- [Your task] For the entries below, the expected answer is the line with "vision glazing panel',$,$,$,$,$,.CURTAIN_PANEL.);", the line with "END-ISO-10303-21;", and every line between them, exactly as written, and nothing more.
--- Supplied data Enclosed Below ---
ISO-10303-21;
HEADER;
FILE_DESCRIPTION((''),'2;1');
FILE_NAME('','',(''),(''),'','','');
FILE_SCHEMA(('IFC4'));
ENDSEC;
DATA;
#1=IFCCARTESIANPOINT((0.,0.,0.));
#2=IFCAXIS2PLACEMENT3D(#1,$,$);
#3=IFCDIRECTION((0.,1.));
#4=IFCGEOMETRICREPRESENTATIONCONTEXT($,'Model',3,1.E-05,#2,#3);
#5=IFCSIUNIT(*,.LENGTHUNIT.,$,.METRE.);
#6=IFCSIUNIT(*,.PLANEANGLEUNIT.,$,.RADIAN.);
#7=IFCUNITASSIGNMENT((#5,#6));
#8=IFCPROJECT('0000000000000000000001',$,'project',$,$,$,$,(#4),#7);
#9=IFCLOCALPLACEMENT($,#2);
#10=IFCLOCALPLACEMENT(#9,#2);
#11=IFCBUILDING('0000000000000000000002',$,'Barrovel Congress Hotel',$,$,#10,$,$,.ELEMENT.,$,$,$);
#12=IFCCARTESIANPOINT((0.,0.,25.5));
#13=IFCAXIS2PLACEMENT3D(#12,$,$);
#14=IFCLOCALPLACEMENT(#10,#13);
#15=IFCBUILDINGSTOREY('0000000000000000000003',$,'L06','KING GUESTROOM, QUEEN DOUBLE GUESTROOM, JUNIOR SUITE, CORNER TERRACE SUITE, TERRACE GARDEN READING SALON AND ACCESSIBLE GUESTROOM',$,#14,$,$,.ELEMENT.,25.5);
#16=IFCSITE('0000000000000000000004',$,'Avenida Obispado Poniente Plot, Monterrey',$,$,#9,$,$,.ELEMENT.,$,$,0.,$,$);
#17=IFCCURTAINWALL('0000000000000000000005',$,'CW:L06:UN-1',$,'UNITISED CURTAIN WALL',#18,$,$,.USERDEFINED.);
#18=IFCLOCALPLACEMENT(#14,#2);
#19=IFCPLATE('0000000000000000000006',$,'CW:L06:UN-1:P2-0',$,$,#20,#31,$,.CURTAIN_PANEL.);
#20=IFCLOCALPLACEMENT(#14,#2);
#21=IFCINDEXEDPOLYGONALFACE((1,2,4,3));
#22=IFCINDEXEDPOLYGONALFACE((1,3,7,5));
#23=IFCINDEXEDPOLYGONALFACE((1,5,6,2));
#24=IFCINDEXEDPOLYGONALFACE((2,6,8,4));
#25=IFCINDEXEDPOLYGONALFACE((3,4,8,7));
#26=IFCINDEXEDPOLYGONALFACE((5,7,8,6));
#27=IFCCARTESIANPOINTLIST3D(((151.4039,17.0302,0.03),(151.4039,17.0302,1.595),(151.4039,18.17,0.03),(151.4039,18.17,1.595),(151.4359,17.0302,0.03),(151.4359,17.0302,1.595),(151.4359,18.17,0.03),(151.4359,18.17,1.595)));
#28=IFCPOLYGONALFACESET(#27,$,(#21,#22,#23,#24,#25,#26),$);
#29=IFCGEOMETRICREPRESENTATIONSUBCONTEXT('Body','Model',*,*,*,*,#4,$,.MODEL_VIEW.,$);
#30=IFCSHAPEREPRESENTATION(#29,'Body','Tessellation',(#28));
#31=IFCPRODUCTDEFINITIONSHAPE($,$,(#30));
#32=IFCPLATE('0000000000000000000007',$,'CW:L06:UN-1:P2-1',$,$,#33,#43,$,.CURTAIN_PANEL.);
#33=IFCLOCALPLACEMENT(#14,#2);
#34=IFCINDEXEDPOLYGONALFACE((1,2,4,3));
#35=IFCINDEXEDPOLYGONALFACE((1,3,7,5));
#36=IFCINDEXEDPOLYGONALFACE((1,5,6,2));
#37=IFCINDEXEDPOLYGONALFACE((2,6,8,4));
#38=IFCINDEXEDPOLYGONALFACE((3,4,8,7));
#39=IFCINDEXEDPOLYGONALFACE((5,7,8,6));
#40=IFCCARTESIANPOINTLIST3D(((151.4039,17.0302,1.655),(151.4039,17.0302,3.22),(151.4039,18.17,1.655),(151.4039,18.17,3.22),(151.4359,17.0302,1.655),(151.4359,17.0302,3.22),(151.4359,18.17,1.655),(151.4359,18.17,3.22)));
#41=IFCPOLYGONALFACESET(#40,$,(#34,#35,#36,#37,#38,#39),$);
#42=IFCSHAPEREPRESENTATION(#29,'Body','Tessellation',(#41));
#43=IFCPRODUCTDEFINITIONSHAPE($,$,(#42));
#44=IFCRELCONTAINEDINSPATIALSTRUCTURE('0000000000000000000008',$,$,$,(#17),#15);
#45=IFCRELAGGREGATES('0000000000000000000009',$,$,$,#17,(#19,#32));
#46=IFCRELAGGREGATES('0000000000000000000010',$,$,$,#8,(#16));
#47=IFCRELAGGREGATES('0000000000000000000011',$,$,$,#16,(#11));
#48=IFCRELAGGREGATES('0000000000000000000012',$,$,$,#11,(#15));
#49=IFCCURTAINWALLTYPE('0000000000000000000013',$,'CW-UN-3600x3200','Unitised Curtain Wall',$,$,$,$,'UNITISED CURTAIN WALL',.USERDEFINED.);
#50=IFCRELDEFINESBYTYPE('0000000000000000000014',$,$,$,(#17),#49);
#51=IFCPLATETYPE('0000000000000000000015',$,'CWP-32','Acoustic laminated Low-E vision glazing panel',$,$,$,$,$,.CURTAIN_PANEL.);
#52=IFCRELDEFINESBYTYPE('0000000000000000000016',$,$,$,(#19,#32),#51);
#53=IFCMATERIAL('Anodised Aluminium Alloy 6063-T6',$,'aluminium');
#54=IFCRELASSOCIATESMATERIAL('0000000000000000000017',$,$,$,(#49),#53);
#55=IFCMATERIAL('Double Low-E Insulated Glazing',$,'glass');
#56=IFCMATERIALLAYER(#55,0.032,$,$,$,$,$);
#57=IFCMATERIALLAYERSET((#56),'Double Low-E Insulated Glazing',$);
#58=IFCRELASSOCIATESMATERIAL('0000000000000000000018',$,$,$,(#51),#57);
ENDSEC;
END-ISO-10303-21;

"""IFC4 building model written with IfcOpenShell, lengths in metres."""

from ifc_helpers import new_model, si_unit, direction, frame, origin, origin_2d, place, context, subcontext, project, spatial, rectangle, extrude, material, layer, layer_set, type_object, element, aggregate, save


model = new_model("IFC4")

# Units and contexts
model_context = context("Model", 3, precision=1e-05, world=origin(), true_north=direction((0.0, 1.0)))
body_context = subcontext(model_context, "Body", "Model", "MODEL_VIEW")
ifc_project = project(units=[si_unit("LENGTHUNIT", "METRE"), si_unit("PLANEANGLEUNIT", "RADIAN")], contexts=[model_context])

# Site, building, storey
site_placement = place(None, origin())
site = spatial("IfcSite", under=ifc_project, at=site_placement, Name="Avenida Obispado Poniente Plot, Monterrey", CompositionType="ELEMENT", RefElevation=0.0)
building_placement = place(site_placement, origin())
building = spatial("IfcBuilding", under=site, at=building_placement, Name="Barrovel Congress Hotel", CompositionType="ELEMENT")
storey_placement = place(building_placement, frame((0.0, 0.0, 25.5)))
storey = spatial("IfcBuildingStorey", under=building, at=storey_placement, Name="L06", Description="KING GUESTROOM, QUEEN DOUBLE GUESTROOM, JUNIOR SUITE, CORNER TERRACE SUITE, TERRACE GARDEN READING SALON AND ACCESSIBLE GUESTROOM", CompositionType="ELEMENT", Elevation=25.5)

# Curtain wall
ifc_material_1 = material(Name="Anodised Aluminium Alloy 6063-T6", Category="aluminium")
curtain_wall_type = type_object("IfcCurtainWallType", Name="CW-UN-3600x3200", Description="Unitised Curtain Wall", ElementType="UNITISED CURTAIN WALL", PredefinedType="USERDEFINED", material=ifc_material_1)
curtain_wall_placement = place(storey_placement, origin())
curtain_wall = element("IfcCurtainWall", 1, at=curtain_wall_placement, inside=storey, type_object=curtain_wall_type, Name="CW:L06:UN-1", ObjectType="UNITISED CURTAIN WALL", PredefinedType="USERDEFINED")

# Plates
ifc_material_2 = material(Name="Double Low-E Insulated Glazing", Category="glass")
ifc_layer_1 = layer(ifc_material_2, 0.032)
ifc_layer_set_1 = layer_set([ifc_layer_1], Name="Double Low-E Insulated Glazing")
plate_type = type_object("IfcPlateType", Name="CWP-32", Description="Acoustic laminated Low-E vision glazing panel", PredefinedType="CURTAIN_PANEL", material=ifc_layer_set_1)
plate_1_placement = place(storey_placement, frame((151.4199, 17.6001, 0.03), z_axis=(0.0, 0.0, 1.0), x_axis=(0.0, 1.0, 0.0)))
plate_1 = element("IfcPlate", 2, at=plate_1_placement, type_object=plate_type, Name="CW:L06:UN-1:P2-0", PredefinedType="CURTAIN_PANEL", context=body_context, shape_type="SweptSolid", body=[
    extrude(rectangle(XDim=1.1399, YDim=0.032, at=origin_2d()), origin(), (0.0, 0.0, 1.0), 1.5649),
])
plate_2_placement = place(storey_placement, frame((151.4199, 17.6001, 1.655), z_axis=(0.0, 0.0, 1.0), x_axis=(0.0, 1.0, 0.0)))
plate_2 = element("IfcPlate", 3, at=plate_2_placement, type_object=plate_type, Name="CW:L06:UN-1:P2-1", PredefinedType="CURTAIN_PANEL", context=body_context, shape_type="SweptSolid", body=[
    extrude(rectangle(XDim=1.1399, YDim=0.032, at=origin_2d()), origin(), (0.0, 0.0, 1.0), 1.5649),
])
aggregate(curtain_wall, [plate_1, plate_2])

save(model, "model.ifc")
--- End of Enclosed Supplied data ---
- [Response for this exercise]
#51=IFCPLATETYPE('0000000000000000000015',$,'CWP-32','Acoustic laminated Low-E vision glazing panel',$,$,$,$,$,.CURTAIN_PANEL.);
#52=IFCRELDEFINESBYTYPE('0000000000000000000016',$,$,$,(#19,#32),#51);
#53=IFCMATERIAL('Anodised Aluminium Alloy 6063-T6',$,'aluminium');
#54=IFCRELASSOCIATESMATERIAL('0000000000000000000017',$,$,$,(#49),#53);
#55=IFCMATERIAL('Double Low-E Insulated Glazing',$,'glass');
#56=IFCMATERIALLAYER(#55,0.032,$,$,$,$,$);
#57=IFCMATERIALLAYERSET((#56),'Double Low-E Insulated Glazing',$);
#58=IFCRELASSOCIATESMATERIAL('0000000000000000000018',$,$,$,(#51),#57);
ENDSEC;
END-ISO-10303-21;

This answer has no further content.